-- Source records --
========
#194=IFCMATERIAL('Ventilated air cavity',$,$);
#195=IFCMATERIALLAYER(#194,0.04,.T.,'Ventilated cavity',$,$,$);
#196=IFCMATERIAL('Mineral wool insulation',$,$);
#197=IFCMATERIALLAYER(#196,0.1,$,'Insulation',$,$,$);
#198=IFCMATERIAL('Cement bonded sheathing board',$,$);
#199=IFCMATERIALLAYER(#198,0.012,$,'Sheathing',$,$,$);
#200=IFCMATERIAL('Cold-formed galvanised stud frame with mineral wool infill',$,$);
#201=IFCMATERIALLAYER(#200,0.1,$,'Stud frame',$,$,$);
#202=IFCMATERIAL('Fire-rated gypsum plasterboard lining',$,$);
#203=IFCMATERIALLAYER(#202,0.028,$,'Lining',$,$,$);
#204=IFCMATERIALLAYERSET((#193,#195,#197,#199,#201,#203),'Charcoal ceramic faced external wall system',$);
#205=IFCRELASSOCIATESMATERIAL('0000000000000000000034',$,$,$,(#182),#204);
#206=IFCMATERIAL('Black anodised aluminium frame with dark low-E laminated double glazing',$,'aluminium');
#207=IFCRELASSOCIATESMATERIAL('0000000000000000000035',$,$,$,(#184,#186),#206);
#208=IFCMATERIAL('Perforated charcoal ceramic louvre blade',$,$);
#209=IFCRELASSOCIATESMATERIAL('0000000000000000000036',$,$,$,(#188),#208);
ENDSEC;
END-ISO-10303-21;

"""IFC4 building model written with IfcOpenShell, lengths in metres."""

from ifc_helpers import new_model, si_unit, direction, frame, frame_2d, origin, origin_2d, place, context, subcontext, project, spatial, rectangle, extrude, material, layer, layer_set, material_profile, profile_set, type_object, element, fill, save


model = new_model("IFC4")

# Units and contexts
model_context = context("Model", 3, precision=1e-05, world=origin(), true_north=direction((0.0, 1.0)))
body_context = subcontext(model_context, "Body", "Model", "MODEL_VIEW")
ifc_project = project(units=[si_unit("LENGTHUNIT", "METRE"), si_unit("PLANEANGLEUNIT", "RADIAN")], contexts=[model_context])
========
A complete and exact repetition of the entries is required.

-- Result for this task --
#194=IFCMATERIAL('Ventilated air cavity',$,$);
#195=IFCMATERIALLAYER(#194,0.04,.T.,'Ventilated cavity',$,$,$);
#196=IFCMATERIAL('Mineral wool insulation',$,$);
#197=IFCMATERIALLAYER(#196,0.1,$,'Insulation',$,$,$);
#198=IFCMATERIAL('Cement bonded sheathing board',$,$);
#199=IFCMATERIALLAYER(#198,0.012,$,'Sheathing',$,$,$);
#200=IFCMATERIAL('Cold-formed galvanised stud frame with mineral wool infill',$,$);
#201=IFCMATERIALLAYER(#200,0.1,$,'Stud frame',$,$,$);
#202=IFCMATERIAL('Fire-rated gypsum plasterboard lining',$,$);
#203=IFCMATERIALLAYER(#202,0.028,$,'Lining',$,$,$);
#204=IFCMATERIALLAYERSET((#193,#195,#197,#199,#201,#203),'Charcoal ceramic faced external wall system',$);
#205=IFCRELASSOCIATESMATERIAL('0000000000000000000034',$,$,$,(#182),#204);
#206=IFCMATERIAL('Black anodised aluminium frame with dark low-E laminated double glazing',$,'aluminium');
#207=IFCRELASSOCIATESMATERIAL('0000000000000000000035',$,$,$,(#184,#186),#206);
#208=IFCMATERIAL('Perforated charcoal ceramic louvre blade',$,$);
#209=IFCRELASSOCIATESMATERIAL('0000000000000000000036',$,$,$,(#188),#208);
ENDSEC;
END-ISO-10303-21;

"""IFC4 building model written with IfcOpenShell, lengths in metres."""

from ifc_helpers import new_model, si_unit, direction, frame, frame_2d, origin, origin_2d, place, context, subcontext, project, spatial, rectangle, extrude, material, layer, layer_set, material_profile, profile_set, type_object, element, fill, save


model = new_model("IFC4")

# Units and contexts
model_context = context("Model", 3, precision=1e-05, world=origin(), true_north=direction((0.0, 1.0)))
body_context = subcontext(model_context, "Body", "Model", "MODEL_VIEW")
ifc_project = project(units=[si_unit("LENGTHUNIT", "METRE"), si_unit("PLANEANGLEUNIT", "RADIAN")], contexts=[model_context])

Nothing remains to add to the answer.